_Data excerpts_:
· · · ·

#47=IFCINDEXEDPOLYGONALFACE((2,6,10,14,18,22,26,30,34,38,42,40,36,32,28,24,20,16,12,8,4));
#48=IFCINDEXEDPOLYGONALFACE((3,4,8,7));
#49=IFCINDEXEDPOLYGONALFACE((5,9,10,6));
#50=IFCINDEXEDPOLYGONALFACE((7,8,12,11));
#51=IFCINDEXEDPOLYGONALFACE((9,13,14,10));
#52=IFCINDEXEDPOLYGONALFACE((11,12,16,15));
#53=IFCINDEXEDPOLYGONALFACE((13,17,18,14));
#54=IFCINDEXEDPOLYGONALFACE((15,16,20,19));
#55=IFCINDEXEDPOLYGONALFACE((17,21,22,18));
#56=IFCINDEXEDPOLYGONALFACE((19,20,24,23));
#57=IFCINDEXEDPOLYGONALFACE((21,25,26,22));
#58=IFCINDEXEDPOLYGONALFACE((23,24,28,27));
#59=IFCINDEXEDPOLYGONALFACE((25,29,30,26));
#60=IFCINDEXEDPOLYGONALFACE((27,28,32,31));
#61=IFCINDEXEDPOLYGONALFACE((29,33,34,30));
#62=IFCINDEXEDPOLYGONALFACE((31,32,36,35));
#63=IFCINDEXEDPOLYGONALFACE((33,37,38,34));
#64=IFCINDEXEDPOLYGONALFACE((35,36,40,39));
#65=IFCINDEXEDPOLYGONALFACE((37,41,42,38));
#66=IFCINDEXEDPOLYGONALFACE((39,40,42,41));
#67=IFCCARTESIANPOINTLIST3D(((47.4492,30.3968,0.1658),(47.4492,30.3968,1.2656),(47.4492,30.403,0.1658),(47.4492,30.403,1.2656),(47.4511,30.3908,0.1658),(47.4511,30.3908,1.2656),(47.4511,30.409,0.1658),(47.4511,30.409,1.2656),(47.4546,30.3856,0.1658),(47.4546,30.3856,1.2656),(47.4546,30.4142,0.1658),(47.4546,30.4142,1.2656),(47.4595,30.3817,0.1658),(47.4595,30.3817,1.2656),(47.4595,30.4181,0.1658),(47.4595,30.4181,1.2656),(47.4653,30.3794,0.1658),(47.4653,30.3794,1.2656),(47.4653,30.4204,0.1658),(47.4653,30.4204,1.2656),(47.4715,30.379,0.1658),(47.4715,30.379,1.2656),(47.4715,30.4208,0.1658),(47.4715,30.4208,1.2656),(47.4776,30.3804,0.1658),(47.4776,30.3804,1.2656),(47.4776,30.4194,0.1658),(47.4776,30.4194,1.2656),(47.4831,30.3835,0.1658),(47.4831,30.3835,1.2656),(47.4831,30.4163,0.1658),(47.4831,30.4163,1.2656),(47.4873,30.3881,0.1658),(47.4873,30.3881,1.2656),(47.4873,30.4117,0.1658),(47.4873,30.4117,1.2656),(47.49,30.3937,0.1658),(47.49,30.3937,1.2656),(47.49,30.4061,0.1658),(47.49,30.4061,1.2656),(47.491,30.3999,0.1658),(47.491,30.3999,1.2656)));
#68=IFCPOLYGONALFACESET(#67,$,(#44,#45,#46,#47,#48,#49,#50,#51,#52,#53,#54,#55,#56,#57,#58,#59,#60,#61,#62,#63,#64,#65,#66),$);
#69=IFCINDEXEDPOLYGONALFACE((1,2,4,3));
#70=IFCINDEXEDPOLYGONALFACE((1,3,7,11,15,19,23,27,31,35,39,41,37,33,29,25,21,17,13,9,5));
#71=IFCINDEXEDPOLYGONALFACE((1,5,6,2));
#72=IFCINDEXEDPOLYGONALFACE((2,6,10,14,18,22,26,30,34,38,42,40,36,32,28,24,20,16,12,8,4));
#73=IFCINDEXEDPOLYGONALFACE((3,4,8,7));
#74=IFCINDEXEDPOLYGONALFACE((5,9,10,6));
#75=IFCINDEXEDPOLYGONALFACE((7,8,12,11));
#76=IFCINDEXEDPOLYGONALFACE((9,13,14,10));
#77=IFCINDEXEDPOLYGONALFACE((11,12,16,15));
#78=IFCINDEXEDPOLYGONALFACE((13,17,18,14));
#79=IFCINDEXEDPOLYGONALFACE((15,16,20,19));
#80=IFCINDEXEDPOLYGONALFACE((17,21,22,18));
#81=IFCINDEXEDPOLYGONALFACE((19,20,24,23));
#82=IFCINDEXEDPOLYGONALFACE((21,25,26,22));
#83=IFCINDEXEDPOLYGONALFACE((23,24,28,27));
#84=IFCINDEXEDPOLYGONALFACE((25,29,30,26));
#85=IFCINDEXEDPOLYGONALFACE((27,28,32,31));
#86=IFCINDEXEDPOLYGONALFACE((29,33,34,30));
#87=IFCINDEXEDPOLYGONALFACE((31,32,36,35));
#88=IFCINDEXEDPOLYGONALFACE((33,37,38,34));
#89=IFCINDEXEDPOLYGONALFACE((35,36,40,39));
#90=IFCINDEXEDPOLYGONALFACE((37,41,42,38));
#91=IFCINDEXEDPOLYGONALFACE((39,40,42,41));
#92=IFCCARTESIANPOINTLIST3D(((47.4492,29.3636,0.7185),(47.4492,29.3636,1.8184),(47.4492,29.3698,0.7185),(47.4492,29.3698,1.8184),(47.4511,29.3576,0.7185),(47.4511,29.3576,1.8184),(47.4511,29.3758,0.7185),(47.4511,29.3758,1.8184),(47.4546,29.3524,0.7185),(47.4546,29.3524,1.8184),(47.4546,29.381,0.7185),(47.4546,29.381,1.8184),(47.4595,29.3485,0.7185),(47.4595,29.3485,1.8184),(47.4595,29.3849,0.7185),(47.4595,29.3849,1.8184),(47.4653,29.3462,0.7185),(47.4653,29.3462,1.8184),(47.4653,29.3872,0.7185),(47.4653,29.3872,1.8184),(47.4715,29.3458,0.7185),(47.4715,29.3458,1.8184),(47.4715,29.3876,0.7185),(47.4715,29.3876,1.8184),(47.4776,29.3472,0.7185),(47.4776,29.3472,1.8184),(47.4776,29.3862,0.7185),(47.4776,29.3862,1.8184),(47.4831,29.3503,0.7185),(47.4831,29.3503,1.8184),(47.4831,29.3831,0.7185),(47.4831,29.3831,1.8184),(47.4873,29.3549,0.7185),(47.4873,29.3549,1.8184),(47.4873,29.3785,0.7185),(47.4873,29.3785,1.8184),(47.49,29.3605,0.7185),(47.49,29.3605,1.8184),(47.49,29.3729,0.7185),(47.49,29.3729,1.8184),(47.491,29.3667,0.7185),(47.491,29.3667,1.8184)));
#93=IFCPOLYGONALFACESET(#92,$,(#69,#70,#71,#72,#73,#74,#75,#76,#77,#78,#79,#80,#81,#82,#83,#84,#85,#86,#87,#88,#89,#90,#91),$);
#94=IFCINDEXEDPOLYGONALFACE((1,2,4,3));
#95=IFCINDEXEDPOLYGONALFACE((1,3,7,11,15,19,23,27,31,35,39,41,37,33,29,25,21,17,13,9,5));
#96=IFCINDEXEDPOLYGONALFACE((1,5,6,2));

· · · ·

Reproduce exactly, and with no other material, the lines between those holding "#85=IFCINDEXEDPOLYGONALFACE((27,28,32,31));" and "#91=IFCINDEXEDPOLYGONALFACE((39,40,42,41));", inclusive.

#85=IFCINDEXEDPOLYGONALFACE((27,28,32,31));
#86=IFCINDEXEDPOLYGONALFACE((29,33,34,30));
#87=IFCINDEXEDPOLYGONALFACE((31,32,36,35));
#88=IFCINDEXEDPOLYGONALFACE((33,37,38,34));
#89=IFCINDEXEDPOLYGONALFACE((35,36,40,39));
#90=IFCINDEXEDPOLYGONALFACE((37,41,42,38));
#91=IFCINDEXEDPOLYGONALFACE((39,40,42,41));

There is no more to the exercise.